WORK INSTRUCTIONS>
Search the data below for the string "save" and copy all lines where it shows up.

DATA FOR THIS TASK below:

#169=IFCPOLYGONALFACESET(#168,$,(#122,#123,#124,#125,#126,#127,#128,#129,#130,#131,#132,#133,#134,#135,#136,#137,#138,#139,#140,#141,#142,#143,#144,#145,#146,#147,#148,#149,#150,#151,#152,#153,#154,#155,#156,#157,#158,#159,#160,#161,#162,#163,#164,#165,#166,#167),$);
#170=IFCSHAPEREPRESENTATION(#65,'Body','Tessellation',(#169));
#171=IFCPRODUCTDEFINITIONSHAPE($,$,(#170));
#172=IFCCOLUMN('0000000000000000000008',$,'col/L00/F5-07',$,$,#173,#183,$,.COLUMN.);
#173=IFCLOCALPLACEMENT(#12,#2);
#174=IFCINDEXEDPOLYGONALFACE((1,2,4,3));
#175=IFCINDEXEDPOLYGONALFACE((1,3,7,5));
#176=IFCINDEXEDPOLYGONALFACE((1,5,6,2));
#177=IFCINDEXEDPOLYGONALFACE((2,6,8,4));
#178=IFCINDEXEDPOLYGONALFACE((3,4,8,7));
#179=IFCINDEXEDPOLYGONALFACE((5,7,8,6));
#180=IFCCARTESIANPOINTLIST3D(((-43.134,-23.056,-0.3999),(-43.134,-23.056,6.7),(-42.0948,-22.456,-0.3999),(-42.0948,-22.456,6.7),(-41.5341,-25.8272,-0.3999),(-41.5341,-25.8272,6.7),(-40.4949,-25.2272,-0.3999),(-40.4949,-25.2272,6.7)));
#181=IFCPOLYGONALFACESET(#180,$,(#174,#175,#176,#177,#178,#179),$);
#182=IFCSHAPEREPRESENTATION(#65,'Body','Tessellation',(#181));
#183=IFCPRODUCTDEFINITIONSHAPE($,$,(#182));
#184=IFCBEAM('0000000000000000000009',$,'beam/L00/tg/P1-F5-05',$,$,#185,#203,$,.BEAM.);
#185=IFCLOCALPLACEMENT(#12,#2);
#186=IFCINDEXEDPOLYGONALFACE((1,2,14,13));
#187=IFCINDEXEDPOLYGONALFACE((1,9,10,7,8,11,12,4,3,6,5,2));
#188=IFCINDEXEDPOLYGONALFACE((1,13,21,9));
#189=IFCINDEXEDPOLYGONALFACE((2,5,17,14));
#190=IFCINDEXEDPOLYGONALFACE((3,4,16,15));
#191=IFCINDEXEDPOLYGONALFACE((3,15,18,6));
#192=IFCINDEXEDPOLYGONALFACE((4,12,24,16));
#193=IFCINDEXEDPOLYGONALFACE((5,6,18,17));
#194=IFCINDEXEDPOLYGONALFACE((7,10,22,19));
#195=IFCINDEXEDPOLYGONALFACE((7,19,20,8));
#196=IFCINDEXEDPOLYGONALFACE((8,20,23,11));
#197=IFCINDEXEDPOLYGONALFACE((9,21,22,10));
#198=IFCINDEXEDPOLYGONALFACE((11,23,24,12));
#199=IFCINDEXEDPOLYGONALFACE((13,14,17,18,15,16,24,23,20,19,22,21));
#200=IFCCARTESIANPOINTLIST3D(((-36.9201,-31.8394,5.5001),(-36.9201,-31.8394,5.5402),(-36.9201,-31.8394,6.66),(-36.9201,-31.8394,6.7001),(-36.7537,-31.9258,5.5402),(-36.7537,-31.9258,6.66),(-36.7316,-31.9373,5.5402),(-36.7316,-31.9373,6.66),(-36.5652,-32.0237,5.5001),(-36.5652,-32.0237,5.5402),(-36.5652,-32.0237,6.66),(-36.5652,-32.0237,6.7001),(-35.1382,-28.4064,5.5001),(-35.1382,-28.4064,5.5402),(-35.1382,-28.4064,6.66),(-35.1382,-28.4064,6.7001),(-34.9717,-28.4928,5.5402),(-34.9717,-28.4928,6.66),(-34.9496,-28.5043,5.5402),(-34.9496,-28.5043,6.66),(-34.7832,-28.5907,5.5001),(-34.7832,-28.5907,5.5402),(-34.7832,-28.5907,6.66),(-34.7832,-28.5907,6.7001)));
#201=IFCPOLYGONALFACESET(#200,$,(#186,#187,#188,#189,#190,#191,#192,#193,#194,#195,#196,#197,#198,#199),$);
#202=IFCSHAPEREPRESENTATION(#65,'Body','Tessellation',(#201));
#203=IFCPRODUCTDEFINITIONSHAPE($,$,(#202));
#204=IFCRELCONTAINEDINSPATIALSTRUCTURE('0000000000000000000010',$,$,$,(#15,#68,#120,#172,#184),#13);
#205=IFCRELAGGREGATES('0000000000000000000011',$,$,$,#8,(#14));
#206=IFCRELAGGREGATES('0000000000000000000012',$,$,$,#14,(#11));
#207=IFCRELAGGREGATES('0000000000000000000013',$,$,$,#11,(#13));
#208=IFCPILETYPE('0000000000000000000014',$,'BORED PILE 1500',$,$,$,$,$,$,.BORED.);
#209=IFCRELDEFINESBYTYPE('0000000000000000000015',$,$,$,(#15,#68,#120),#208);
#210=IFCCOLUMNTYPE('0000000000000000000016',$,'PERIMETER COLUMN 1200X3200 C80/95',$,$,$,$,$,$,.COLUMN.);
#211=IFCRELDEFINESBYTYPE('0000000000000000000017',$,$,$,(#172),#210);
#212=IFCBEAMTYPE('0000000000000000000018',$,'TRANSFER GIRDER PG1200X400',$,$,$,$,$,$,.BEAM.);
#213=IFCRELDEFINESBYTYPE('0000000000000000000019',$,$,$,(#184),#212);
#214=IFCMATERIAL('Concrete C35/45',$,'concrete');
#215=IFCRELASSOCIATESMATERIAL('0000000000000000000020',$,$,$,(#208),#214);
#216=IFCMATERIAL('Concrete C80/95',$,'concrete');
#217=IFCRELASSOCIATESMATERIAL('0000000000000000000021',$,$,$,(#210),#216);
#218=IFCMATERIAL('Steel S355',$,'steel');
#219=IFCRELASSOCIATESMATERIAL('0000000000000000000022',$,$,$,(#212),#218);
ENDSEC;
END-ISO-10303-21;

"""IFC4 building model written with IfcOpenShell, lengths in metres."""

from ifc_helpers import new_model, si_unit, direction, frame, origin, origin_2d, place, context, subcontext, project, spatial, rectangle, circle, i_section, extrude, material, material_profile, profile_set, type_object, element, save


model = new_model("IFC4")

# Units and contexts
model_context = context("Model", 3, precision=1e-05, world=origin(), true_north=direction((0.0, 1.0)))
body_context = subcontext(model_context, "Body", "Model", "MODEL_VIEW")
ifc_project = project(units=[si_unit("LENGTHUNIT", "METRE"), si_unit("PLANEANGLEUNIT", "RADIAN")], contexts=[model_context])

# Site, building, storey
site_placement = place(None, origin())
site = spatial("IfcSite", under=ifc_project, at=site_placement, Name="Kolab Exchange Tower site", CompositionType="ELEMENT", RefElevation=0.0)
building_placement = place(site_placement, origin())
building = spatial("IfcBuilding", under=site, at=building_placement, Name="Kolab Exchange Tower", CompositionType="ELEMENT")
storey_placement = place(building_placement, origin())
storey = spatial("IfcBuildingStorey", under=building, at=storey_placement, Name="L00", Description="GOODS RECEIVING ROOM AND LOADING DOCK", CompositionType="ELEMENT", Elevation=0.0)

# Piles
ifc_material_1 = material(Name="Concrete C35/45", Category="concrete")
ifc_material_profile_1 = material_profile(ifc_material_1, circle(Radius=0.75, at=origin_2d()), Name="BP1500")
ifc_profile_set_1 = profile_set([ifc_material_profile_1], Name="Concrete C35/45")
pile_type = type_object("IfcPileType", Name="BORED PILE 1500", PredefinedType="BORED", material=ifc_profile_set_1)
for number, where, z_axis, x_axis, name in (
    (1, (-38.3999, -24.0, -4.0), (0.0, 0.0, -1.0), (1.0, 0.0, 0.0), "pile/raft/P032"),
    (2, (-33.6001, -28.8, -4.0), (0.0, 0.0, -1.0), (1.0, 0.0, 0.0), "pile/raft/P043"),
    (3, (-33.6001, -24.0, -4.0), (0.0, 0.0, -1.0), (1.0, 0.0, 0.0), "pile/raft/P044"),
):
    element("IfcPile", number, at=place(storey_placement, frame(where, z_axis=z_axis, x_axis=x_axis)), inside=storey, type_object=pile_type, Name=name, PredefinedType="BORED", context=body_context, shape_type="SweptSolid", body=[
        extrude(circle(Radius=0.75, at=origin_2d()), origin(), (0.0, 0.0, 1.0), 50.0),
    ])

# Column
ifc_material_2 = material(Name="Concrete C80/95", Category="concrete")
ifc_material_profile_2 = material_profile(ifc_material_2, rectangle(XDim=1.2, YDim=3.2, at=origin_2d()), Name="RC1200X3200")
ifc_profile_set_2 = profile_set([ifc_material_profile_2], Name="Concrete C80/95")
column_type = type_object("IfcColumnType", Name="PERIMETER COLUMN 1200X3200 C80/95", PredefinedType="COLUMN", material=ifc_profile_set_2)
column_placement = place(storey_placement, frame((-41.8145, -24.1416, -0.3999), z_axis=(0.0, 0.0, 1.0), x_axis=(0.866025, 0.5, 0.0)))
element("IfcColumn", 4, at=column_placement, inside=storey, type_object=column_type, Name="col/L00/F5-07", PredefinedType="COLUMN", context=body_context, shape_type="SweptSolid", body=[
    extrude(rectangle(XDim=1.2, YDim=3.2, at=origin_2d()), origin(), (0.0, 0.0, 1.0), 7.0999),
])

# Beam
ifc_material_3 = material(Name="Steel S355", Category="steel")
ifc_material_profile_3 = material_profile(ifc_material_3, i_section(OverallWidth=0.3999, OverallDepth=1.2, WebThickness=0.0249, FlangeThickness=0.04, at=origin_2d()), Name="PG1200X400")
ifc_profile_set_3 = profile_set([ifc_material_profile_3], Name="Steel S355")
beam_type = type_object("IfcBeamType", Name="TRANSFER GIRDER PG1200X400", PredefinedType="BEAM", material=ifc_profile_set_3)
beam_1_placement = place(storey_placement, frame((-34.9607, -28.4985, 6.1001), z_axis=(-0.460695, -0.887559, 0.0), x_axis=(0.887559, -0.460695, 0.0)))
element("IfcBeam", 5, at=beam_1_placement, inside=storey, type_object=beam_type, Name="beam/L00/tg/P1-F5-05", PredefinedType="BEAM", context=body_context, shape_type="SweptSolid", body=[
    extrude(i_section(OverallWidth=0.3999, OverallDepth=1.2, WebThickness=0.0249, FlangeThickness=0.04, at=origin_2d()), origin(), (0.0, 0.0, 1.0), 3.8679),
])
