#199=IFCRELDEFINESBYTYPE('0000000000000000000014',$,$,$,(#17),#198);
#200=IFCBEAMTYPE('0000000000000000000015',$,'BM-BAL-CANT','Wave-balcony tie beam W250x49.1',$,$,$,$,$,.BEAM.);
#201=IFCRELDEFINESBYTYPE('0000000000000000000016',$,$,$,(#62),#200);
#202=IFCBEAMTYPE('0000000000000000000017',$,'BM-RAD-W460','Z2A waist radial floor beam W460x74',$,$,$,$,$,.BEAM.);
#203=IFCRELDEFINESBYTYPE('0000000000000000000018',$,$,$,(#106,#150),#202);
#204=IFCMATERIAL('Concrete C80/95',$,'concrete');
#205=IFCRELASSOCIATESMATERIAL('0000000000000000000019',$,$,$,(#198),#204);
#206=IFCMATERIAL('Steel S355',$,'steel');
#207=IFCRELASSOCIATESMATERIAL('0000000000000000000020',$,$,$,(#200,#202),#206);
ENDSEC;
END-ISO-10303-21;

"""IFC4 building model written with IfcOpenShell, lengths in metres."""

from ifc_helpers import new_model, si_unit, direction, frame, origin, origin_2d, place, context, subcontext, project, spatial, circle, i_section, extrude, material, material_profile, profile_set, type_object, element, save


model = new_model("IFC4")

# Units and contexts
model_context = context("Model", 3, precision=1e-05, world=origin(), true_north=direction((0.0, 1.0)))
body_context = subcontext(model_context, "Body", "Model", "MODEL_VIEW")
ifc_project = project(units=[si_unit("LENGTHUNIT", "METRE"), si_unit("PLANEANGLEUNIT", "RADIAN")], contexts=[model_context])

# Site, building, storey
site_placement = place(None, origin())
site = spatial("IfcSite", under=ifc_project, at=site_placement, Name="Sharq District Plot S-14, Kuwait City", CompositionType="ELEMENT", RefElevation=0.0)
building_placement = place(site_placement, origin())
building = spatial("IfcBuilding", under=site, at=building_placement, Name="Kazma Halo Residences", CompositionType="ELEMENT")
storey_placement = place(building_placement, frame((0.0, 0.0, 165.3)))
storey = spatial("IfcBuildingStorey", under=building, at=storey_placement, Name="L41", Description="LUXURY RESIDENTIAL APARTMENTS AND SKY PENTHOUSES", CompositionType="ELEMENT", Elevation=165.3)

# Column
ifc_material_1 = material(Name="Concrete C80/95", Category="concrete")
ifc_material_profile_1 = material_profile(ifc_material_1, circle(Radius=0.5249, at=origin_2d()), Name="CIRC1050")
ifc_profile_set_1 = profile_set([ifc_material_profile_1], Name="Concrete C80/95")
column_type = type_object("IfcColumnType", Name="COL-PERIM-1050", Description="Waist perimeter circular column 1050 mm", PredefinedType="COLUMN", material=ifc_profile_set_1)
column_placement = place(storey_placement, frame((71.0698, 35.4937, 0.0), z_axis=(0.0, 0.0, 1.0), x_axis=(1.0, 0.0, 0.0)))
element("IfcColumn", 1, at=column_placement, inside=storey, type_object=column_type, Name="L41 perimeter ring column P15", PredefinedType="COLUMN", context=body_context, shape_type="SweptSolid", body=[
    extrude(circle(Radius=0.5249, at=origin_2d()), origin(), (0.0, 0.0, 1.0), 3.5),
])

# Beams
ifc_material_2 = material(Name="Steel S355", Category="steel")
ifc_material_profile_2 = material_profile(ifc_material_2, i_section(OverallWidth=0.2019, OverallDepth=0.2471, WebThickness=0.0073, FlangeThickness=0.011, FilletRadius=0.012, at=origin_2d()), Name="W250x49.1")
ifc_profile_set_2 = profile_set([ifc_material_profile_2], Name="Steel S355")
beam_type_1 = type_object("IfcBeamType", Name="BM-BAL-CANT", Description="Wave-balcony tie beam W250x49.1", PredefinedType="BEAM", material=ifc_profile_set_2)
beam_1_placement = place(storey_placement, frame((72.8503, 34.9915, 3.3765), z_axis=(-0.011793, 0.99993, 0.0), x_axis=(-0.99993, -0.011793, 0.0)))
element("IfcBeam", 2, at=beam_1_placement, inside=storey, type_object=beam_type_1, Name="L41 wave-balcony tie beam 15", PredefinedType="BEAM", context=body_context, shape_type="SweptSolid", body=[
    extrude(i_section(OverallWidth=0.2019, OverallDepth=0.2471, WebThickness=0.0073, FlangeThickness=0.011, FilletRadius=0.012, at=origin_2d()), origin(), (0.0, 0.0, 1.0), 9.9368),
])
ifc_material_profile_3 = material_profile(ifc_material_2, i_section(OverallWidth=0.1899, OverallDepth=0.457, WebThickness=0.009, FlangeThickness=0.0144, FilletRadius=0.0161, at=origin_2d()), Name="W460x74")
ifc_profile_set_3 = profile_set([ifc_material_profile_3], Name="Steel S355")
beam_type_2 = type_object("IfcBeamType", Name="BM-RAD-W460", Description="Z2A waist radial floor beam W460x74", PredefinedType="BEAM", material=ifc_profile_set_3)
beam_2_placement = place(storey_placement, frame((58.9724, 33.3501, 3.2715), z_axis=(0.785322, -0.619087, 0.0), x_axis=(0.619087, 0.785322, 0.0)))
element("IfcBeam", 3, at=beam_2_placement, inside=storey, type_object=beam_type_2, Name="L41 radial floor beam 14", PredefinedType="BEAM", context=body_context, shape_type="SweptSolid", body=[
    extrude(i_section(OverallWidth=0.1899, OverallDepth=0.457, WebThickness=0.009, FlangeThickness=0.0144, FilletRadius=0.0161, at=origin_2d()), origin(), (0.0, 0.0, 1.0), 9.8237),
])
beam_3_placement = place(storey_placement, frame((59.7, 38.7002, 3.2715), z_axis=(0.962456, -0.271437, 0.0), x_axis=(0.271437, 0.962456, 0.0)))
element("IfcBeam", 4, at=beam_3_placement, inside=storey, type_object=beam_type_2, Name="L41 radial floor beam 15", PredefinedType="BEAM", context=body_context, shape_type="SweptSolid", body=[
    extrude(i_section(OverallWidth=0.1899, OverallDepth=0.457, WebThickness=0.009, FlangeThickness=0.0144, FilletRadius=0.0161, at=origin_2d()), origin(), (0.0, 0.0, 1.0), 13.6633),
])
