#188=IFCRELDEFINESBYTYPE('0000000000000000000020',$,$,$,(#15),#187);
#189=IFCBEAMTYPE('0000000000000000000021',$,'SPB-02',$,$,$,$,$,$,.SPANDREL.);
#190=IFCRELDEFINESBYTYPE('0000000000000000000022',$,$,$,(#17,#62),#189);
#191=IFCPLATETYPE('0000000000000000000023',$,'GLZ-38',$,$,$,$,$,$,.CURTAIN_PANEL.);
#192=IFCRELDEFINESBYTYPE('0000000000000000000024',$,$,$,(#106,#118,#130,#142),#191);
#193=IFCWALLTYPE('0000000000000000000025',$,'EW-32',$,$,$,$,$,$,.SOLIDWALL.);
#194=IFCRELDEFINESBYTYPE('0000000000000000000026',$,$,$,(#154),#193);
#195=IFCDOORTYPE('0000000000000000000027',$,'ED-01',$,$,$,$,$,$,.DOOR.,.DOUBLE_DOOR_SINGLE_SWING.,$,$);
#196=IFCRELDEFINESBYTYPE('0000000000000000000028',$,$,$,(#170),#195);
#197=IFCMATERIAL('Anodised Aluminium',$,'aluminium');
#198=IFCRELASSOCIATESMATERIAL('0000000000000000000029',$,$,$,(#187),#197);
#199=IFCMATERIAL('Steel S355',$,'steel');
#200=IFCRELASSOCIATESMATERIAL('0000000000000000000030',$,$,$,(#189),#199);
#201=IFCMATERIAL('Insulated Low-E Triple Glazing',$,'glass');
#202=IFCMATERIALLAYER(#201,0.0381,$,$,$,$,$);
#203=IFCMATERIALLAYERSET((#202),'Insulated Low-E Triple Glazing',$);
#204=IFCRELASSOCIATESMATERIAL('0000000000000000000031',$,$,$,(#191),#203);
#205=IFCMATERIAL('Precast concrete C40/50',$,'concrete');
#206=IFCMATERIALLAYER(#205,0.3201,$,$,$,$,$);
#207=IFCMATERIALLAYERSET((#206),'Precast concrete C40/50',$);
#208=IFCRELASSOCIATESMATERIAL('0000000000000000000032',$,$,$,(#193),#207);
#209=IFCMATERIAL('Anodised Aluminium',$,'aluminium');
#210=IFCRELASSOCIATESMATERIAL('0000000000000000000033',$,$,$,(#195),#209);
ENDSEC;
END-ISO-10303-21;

End of DATA FOR THIS TASK.

COMPLETED EXERCISE>
from ifc_helpers import new_model, si_unit, direction, frame, origin, origin_2d, place, context, subcontext, project, spatial, rectangle, circle, i_section, extrude, material, material_profile, profile_set, type_object, element, save
from ifc_helpers import new_model, si_unit, direction, frame, origin, origin_2d, place, context, subcontext, project, spatial, circle, i_section, extrude, material, material_profile, profile_set, type_object, element, save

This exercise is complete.